Give a verbatim repeat of the lines that run from the line containing "# Site, building, storey" to the end of the data below.
***
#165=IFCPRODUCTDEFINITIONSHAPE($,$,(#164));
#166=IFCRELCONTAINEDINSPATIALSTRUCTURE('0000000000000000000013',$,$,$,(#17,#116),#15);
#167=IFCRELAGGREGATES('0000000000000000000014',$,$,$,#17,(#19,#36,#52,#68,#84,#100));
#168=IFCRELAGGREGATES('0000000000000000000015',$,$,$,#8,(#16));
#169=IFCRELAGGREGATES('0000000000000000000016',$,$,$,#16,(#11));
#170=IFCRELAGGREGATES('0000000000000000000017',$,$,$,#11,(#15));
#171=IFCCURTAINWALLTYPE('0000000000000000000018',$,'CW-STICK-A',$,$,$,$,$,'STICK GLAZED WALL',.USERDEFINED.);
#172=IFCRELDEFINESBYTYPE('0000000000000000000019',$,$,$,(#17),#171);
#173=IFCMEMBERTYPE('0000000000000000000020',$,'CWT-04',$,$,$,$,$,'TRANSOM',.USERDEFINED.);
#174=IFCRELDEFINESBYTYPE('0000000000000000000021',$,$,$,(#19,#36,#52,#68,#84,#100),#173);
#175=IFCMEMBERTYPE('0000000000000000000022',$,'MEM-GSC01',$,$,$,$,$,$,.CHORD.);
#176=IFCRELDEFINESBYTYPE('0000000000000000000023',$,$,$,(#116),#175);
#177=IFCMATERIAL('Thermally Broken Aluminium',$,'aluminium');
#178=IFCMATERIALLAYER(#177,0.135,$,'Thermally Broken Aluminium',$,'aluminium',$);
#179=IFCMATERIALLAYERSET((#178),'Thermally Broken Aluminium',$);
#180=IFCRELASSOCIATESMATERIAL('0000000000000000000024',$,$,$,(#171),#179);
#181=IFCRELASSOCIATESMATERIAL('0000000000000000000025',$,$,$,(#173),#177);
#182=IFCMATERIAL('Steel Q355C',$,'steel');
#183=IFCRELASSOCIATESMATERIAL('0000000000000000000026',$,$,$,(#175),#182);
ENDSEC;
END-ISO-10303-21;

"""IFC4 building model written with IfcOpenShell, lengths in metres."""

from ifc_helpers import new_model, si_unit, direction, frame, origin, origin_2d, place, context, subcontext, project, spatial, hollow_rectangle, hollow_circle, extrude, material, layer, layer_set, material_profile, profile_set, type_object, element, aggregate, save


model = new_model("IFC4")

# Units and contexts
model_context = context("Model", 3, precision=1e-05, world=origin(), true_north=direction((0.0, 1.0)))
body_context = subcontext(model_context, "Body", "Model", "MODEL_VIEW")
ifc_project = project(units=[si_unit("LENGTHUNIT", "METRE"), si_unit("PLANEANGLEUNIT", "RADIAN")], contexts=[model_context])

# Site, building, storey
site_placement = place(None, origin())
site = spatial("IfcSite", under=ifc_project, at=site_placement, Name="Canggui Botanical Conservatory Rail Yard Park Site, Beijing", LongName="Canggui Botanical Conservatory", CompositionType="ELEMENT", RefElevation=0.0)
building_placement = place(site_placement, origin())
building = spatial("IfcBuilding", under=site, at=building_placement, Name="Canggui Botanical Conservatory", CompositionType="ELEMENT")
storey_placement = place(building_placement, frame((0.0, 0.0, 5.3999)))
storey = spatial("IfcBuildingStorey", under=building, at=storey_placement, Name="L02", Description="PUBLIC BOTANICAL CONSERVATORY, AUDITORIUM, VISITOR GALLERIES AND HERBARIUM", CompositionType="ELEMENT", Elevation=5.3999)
***
## Answer for the task
# Site, building, storey
site_placement = place(None, origin())
site = spatial("IfcSite", under=ifc_project, at=site_placement, Name="Canggui Botanical Conservatory Rail Yard Park Site, Beijing", LongName="Canggui Botanical Conservatory", CompositionType="ELEMENT", RefElevation=0.0)
building_placement = place(site_placement, origin())
building = spatial("IfcBuilding", under=site, at=building_placement, Name="Canggui Botanical Conservatory", CompositionType="ELEMENT")
storey_placement = place(building_placement, frame((0.0, 0.0, 5.3999)))
storey = spatial("IfcBuildingStorey", under=building, at=storey_placement, Name="L02", Description="PUBLIC BOTANICAL CONSERVATORY, AUDITORIUM, VISITOR GALLERIES AND HERBARIUM", CompositionType="ELEMENT", Elevation=5.3999)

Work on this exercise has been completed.